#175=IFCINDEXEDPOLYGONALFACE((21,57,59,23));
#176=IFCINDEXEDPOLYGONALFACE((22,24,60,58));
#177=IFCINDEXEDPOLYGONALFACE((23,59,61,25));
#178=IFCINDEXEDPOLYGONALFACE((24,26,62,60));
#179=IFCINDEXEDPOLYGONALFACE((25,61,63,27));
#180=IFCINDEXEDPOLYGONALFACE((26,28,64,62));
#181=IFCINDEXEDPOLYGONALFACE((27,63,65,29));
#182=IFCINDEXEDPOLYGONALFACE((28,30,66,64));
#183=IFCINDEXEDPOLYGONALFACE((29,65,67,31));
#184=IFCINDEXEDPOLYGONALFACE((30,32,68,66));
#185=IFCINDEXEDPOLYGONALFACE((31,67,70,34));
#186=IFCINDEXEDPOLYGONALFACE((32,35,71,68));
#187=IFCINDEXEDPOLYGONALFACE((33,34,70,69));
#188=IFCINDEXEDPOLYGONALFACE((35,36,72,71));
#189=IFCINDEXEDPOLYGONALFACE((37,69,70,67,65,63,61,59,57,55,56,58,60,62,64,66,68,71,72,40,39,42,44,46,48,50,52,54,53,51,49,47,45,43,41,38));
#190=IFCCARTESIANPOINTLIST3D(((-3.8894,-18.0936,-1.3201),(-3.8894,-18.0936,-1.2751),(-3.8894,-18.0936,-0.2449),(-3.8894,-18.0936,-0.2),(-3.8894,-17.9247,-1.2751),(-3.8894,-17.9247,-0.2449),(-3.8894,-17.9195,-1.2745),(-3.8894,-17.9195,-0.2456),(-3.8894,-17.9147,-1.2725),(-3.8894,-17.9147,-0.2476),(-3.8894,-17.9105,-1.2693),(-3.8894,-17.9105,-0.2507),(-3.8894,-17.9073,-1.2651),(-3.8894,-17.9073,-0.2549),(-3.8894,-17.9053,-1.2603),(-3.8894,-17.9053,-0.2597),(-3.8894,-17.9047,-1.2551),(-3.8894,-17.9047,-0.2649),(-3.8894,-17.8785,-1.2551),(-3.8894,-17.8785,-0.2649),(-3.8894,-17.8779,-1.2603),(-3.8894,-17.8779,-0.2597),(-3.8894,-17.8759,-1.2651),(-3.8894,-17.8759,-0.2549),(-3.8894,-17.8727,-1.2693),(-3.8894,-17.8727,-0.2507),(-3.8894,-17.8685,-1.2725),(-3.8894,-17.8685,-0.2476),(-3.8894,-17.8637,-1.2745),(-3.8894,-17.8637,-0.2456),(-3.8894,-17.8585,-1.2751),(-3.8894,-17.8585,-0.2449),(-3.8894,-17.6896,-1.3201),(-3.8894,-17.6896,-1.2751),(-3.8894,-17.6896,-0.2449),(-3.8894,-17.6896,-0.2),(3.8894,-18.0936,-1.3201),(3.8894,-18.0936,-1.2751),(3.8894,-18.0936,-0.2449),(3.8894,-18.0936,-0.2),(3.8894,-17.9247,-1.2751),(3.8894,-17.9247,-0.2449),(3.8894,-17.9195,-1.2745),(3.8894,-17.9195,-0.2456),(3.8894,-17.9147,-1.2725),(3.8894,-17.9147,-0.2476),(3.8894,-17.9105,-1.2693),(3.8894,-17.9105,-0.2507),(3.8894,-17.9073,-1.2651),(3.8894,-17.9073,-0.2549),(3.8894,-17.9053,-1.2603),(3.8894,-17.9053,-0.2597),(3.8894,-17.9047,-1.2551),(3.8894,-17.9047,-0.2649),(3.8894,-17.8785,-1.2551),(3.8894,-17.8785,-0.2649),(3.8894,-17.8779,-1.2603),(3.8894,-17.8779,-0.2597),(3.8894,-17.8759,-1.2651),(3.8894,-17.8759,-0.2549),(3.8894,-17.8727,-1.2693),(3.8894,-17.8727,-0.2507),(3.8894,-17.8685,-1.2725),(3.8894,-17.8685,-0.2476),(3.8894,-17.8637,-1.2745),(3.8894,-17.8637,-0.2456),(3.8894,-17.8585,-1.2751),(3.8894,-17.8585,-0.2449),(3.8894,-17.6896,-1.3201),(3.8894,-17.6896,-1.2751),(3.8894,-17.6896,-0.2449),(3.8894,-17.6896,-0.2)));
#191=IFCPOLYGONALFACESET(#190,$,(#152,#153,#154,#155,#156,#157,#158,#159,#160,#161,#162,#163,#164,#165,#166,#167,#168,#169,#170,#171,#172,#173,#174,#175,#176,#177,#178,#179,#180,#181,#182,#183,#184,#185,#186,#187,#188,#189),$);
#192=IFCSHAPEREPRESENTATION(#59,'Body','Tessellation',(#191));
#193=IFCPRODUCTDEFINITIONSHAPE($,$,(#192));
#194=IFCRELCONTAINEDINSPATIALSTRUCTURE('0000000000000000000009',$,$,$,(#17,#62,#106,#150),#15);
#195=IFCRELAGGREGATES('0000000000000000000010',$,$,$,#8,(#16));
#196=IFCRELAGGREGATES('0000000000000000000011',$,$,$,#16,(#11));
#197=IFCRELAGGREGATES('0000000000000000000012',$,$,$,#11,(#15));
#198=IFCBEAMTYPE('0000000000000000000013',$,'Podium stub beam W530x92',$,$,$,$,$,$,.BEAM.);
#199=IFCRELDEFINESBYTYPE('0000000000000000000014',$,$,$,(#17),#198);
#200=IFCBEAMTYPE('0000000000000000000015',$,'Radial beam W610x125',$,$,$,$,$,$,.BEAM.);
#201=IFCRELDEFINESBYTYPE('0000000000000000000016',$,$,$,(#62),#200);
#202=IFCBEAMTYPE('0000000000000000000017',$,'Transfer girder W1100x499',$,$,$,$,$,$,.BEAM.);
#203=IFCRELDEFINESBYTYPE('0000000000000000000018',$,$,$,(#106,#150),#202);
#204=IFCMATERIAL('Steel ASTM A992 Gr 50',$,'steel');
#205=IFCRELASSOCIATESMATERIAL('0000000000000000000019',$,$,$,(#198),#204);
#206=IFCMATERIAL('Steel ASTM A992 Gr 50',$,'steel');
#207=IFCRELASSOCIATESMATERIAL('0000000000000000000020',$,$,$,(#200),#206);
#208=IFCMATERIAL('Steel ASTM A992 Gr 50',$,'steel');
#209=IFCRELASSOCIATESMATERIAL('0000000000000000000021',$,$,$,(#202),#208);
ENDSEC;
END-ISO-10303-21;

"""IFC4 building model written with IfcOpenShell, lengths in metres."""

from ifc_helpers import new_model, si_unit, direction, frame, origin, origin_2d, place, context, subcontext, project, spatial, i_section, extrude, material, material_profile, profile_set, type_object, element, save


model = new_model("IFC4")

* * *

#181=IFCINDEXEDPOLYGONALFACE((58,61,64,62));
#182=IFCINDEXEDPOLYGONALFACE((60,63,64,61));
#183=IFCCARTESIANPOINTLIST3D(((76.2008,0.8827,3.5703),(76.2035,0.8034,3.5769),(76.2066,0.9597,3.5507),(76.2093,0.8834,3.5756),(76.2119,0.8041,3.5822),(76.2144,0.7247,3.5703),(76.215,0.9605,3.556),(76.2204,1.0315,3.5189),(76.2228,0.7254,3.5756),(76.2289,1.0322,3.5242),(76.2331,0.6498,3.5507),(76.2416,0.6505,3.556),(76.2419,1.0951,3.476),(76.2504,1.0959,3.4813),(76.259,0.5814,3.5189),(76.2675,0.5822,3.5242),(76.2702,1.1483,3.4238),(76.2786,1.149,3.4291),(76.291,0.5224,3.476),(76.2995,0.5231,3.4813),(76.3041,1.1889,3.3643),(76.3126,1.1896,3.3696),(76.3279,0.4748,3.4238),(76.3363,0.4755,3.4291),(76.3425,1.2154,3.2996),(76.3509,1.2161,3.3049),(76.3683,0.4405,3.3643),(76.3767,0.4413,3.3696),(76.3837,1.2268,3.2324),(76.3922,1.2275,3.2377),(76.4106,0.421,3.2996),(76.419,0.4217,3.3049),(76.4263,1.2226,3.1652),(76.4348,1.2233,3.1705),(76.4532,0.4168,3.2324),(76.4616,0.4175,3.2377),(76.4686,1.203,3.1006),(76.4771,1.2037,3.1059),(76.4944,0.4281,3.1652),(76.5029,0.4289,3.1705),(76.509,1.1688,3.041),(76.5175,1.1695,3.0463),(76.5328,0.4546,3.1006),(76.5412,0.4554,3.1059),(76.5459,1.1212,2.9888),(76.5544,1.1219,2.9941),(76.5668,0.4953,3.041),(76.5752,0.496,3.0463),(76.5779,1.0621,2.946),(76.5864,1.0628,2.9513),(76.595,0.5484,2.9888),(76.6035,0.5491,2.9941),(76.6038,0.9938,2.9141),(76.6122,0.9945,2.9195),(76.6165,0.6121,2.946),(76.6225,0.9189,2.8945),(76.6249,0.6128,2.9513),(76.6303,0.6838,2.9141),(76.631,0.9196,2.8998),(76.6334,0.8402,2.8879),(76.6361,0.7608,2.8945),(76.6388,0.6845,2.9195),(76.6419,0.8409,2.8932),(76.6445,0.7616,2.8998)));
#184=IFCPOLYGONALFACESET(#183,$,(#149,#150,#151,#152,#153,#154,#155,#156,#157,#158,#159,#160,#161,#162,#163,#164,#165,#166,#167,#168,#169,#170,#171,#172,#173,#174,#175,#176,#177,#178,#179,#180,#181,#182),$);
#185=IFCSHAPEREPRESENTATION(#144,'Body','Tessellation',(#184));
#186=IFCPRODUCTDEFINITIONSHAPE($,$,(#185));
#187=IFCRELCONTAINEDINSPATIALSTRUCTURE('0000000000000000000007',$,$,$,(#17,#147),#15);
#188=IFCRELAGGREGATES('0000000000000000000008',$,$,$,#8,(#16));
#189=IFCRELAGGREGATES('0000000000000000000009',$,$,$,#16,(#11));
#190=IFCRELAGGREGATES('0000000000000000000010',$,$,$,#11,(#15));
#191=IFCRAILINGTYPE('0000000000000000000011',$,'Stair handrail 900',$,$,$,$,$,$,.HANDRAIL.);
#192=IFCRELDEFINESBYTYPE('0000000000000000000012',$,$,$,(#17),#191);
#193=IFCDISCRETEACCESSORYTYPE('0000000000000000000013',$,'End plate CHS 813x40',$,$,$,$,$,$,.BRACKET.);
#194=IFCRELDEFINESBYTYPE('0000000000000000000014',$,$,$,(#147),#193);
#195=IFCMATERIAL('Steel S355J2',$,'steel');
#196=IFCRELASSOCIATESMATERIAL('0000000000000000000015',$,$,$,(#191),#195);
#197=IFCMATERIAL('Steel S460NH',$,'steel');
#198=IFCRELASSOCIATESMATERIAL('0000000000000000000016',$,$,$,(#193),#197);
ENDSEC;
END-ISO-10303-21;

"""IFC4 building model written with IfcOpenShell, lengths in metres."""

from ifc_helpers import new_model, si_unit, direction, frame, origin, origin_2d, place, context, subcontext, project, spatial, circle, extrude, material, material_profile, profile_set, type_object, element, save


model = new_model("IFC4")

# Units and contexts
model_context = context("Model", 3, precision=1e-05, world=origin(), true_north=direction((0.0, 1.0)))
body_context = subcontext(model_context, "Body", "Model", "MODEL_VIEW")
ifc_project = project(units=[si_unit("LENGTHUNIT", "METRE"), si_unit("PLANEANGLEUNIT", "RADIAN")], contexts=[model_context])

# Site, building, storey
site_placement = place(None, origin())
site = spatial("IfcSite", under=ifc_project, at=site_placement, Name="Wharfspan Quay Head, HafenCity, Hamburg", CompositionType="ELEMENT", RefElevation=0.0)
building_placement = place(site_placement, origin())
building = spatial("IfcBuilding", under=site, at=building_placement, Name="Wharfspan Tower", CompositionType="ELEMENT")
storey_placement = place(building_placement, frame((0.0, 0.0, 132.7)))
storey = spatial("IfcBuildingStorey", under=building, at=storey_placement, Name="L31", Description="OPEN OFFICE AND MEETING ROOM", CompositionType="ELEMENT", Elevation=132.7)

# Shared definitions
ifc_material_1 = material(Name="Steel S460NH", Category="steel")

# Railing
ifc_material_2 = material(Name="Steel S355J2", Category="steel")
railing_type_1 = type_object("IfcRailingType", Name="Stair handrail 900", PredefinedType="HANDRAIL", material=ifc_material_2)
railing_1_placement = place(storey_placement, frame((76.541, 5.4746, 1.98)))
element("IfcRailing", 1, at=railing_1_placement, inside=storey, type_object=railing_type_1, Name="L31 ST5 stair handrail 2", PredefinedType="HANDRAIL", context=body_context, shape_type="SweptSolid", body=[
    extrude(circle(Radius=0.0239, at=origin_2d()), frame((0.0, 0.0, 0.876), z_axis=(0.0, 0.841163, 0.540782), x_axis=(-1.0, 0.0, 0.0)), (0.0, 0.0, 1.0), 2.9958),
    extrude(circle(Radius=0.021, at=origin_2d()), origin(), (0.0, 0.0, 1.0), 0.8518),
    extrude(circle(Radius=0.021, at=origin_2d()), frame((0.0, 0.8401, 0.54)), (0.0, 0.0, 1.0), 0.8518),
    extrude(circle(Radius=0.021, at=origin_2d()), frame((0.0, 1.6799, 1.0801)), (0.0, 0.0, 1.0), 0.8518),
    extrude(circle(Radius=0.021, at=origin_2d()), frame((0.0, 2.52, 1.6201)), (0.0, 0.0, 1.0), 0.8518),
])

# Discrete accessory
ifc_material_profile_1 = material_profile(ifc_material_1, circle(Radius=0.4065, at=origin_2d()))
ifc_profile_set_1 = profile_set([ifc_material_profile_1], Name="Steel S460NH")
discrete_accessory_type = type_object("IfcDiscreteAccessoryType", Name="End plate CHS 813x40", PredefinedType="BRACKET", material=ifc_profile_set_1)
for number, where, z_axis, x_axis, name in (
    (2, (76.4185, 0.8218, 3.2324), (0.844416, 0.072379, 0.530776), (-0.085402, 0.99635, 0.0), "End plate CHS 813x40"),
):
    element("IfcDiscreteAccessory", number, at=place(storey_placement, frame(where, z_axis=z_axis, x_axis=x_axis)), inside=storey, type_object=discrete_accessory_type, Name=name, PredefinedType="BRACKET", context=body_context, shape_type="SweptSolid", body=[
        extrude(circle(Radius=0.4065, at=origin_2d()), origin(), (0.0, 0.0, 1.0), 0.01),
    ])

## TASK ITEM
Please go through the entries and show every line with the word "IFCMATERIAL".

## EXERCISE ANSWER
#204=IFCMATERIAL('Steel ASTM A992 Gr 50',$,'steel');
#206=IFCMATERIAL('Steel ASTM A992 Gr 50',$,'steel');
#208=IFCMATERIAL('Steel ASTM A992 Gr 50',$,'steel');
#195=IFCMATERIAL('Steel S355J2',$,'steel');
#197=IFCMATERIAL('Steel S460NH',$,'steel');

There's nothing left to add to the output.